Task to complete → Some lines below may hold the string "Towers". Count them and give only the total.

(Data extracted from a collection)
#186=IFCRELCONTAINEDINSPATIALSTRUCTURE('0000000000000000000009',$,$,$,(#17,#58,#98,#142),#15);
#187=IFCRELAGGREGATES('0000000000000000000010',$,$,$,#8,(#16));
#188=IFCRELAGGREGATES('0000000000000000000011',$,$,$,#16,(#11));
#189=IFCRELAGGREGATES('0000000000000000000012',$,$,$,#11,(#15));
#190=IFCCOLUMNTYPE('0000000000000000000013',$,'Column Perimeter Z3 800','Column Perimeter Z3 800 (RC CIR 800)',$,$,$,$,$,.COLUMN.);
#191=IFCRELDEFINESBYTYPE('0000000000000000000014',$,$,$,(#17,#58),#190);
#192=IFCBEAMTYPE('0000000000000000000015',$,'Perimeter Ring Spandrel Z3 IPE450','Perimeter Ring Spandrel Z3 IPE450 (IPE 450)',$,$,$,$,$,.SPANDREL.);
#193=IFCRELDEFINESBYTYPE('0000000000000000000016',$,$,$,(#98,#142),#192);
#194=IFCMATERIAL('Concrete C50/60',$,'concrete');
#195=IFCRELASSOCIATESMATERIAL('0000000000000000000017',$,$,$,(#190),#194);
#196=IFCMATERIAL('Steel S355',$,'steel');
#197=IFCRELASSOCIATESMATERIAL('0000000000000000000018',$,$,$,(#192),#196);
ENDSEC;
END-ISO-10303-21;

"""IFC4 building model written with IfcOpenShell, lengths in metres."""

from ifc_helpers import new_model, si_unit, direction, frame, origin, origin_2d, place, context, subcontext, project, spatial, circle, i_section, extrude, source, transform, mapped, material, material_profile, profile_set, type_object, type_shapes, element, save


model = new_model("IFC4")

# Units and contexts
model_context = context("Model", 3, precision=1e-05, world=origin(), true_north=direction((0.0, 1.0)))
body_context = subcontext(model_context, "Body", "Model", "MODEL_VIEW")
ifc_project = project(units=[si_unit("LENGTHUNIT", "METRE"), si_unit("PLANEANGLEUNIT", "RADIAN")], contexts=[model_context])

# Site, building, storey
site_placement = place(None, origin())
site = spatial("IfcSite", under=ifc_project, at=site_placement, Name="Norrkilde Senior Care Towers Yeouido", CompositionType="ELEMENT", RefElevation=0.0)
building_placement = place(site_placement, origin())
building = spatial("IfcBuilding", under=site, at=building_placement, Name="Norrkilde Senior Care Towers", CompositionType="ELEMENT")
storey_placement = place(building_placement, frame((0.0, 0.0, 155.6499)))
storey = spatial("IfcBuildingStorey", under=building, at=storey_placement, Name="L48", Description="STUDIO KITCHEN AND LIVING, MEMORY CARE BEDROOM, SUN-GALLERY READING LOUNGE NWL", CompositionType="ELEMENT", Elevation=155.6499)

Written response → 2